**WORK TASK:** Could you set down exactly the lines of the data below, starting at the one that holds "#120=IFCINDEXEDPOLYGONALFACE((9,11,15,13));" and ending at the one that holds "#145=IFCINDEXEDPOLYGONALFACE((5,7,8,6));", both included, and only those?

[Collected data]

################

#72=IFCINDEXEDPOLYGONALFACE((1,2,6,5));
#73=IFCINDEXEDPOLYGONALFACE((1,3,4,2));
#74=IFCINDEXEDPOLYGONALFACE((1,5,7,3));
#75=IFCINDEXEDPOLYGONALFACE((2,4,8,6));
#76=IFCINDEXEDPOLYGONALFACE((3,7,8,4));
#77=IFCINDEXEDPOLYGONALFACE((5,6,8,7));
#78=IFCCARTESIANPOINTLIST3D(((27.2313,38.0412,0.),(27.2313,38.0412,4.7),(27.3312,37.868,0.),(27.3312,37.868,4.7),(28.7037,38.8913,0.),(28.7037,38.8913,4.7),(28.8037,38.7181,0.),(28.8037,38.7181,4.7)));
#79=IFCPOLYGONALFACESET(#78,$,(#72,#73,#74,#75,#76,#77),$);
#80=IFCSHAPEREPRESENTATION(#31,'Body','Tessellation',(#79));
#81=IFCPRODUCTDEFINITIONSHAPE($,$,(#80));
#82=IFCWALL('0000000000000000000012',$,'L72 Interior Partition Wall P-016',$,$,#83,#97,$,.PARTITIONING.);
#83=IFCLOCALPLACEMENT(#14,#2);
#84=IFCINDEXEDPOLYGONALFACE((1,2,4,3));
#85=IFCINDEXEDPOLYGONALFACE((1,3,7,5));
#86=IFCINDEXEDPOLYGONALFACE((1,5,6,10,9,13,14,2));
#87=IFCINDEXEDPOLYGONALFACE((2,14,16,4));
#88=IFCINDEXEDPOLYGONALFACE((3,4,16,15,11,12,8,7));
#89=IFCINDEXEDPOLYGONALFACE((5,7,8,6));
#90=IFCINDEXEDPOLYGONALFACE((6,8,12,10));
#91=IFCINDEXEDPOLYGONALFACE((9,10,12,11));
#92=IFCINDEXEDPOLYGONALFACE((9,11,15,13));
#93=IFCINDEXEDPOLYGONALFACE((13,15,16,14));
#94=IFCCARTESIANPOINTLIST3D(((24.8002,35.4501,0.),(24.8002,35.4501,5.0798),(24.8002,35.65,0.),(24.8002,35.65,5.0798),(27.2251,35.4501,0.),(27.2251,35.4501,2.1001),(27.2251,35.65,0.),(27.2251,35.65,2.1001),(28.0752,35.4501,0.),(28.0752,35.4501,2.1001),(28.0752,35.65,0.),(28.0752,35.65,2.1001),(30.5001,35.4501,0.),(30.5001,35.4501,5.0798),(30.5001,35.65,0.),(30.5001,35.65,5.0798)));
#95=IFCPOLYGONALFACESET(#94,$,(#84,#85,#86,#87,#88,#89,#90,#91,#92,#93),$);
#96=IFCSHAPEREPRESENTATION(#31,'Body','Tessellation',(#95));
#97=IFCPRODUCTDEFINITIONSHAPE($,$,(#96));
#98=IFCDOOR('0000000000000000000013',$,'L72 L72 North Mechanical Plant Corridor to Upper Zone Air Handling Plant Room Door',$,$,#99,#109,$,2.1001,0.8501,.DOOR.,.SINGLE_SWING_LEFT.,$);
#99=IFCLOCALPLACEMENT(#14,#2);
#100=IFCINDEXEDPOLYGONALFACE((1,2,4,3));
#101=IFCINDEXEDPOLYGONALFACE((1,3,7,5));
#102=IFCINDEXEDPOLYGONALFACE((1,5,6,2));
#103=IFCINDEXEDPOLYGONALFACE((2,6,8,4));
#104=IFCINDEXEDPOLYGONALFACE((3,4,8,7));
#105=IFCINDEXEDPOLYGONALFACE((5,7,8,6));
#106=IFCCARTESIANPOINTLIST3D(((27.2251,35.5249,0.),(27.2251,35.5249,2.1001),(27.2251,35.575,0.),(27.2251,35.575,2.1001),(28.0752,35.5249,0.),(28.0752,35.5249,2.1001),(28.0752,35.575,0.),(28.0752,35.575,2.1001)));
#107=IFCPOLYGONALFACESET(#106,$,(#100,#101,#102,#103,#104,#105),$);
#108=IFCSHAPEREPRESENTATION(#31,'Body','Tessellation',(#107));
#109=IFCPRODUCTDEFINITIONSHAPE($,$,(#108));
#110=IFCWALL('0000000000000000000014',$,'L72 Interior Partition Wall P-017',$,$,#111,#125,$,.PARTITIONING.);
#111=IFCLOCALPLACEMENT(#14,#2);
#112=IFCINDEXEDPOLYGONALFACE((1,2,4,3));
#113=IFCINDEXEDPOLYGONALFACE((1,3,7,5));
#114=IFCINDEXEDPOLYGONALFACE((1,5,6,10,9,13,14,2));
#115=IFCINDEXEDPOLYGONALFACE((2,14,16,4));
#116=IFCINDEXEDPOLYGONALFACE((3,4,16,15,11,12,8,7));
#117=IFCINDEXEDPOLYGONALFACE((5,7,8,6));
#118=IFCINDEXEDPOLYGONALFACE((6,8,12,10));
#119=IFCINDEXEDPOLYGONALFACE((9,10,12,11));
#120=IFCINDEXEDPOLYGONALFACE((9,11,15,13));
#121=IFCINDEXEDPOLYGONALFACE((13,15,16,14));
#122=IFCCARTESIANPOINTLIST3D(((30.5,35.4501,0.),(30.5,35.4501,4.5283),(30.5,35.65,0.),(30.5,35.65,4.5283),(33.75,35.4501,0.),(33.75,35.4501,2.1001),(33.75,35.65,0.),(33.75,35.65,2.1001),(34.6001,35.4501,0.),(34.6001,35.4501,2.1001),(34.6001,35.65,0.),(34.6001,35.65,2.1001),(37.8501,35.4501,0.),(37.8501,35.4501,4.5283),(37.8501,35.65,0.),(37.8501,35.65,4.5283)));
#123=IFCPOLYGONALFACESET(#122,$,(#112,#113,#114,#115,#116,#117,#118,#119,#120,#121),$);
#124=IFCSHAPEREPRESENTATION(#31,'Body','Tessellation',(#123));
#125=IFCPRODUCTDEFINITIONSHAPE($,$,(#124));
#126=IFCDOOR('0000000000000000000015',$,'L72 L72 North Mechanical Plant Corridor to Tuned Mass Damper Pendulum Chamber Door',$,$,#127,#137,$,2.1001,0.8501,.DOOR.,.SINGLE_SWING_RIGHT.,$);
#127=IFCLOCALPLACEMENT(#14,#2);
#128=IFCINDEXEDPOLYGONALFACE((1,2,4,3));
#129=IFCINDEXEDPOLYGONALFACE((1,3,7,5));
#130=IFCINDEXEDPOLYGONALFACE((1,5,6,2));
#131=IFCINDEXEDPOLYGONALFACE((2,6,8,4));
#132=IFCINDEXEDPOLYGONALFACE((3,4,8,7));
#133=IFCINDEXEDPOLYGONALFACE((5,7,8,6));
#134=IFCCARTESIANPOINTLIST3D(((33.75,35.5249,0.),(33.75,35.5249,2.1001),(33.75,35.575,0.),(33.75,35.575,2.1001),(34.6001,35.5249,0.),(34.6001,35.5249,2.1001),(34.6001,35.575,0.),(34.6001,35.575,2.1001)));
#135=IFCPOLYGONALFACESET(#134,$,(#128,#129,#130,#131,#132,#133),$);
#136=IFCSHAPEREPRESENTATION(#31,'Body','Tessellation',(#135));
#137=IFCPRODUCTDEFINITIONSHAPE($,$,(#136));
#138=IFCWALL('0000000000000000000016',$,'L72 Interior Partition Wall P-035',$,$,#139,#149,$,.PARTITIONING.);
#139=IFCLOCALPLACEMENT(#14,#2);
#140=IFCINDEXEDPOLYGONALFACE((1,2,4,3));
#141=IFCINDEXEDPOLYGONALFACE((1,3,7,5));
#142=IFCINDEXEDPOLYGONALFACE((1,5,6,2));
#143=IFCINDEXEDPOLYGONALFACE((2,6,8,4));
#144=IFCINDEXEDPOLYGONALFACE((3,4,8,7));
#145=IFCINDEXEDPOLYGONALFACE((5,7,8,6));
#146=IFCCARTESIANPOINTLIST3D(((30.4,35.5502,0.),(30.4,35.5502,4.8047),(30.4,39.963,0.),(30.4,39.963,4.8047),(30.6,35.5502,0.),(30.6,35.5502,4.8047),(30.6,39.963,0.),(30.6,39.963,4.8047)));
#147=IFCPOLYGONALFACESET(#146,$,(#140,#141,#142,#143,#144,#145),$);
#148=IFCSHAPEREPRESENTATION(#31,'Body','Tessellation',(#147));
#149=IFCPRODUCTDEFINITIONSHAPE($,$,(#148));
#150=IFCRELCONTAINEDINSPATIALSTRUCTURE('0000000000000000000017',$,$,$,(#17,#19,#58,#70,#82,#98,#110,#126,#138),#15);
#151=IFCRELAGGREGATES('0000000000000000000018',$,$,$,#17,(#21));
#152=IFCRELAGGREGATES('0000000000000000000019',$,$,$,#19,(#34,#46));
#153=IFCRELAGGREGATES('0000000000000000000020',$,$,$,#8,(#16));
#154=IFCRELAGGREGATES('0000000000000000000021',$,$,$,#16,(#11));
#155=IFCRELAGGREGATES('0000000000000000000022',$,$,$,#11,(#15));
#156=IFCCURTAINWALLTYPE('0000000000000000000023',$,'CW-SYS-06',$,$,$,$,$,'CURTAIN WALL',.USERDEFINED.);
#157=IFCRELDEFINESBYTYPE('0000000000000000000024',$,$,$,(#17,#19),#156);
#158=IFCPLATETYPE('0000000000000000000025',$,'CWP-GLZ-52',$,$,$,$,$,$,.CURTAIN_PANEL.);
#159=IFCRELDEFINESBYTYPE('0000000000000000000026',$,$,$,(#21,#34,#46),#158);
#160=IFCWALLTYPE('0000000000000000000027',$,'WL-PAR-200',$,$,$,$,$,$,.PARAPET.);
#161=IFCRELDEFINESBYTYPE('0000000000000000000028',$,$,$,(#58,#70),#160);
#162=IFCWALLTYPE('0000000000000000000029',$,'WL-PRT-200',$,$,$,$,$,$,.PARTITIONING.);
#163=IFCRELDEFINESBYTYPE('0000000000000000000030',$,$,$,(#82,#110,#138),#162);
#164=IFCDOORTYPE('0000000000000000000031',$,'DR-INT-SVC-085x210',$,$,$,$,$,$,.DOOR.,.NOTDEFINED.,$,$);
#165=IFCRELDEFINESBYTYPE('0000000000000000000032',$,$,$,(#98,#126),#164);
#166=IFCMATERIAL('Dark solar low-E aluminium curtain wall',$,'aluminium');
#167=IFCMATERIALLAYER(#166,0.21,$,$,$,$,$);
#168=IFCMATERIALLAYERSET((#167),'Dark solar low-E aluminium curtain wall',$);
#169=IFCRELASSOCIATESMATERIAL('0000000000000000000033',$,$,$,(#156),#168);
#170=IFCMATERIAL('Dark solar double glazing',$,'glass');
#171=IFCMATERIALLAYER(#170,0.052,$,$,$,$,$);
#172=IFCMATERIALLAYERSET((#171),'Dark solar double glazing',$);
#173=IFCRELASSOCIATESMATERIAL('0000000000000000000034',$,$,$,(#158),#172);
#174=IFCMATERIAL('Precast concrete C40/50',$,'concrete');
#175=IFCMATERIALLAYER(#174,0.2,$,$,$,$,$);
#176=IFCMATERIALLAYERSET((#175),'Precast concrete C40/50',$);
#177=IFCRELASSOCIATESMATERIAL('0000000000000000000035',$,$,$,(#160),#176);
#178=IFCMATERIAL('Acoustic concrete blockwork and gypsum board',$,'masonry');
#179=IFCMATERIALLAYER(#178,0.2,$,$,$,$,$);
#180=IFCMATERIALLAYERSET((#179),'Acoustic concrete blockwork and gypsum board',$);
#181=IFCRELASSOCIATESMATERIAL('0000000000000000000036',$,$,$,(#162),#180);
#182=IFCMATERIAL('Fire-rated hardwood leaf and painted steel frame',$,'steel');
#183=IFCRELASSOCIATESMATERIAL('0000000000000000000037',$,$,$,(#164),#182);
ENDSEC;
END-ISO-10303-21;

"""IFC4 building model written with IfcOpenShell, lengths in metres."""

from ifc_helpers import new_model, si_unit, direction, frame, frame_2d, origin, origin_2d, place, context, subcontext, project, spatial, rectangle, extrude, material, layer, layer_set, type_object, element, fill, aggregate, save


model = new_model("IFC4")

################

**EXERCISE OUTPUT:**
#120=IFCINDEXEDPOLYGONALFACE((9,11,15,13));
#121=IFCINDEXEDPOLYGONALFACE((13,15,16,14));
#122=IFCCARTESIANPOINTLIST3D(((30.5,35.4501,0.),(30.5,35.4501,4.5283),(30.5,35.65,0.),(30.5,35.65,4.5283),(33.75,35.4501,0.),(33.75,35.4501,2.1001),(33.75,35.65,0.),(33.75,35.65,2.1001),(34.6001,35.4501,0.),(34.6001,35.4501,2.1001),(34.6001,35.65,0.),(34.6001,35.65,2.1001),(37.8501,35.4501,0.),(37.8501,35.4501,4.5283),(37.8501,35.65,0.),(37.8501,35.65,4.5283)));
#123=IFCPOLYGONALFACESET(#122,$,(#112,#113,#114,#115,#116,#117,#118,#119,#120,#121),$);
#124=IFCSHAPEREPRESENTATION(#31,'Body','Tessellation',(#123));
#125=IFCPRODUCTDEFINITIONSHAPE($,$,(#124));
#126=IFCDOOR('0000000000000000000015',$,'L72 L72 North Mechanical Plant Corridor to Tuned Mass Damper Pendulum Chamber Door',$,$,#127,#137,$,2.1001,0.8501,.DOOR.,.SINGLE_SWING_RIGHT.,$);
#127=IFCLOCALPLACEMENT(#14,#2);
#128=IFCINDEXEDPOLYGONALFACE((1,2,4,3));
#129=IFCINDEXEDPOLYGONALFACE((1,3,7,5));
#130=IFCINDEXEDPOLYGONALFACE((1,5,6,2));
#131=IFCINDEXEDPOLYGONALFACE((2,6,8,4));
#132=IFCINDEXEDPOLYGONALFACE((3,4,8,7));
#133=IFCINDEXEDPOLYGONALFACE((5,7,8,6));
#134=IFCCARTESIANPOINTLIST3D(((33.75,35.5249,0.),(33.75,35.5249,2.1001),(33.75,35.575,0.),(33.75,35.575,2.1001),(34.6001,35.5249,0.),(34.6001,35.5249,2.1001),(34.6001,35.575,0.),(34.6001,35.575,2.1001)));
#135=IFCPOLYGONALFACESET(#134,$,(#128,#129,#130,#131,#132,#133),$);
#136=IFCSHAPEREPRESENTATION(#31,'Body','Tessellation',(#135));
#137=IFCPRODUCTDEFINITIONSHAPE($,$,(#136));
#138=IFCWALL('0000000000000000000016',$,'L72 Interior Partition Wall P-035',$,$,#139,#149,$,.PARTITIONING.);
#139=IFCLOCALPLACEMENT(#14,#2);
#140=IFCINDEXEDPOLYGONALFACE((1,2,4,3));
#141=IFCINDEXEDPOLYGONALFACE((1,3,7,5));
#142=IFCINDEXEDPOLYGONALFACE((1,5,6,2));
#143=IFCINDEXEDPOLYGONALFACE((2,6,8,4));
#144=IFCINDEXEDPOLYGONALFACE((3,4,8,7));
#145=IFCINDEXEDPOLYGONALFACE((5,7,8,6));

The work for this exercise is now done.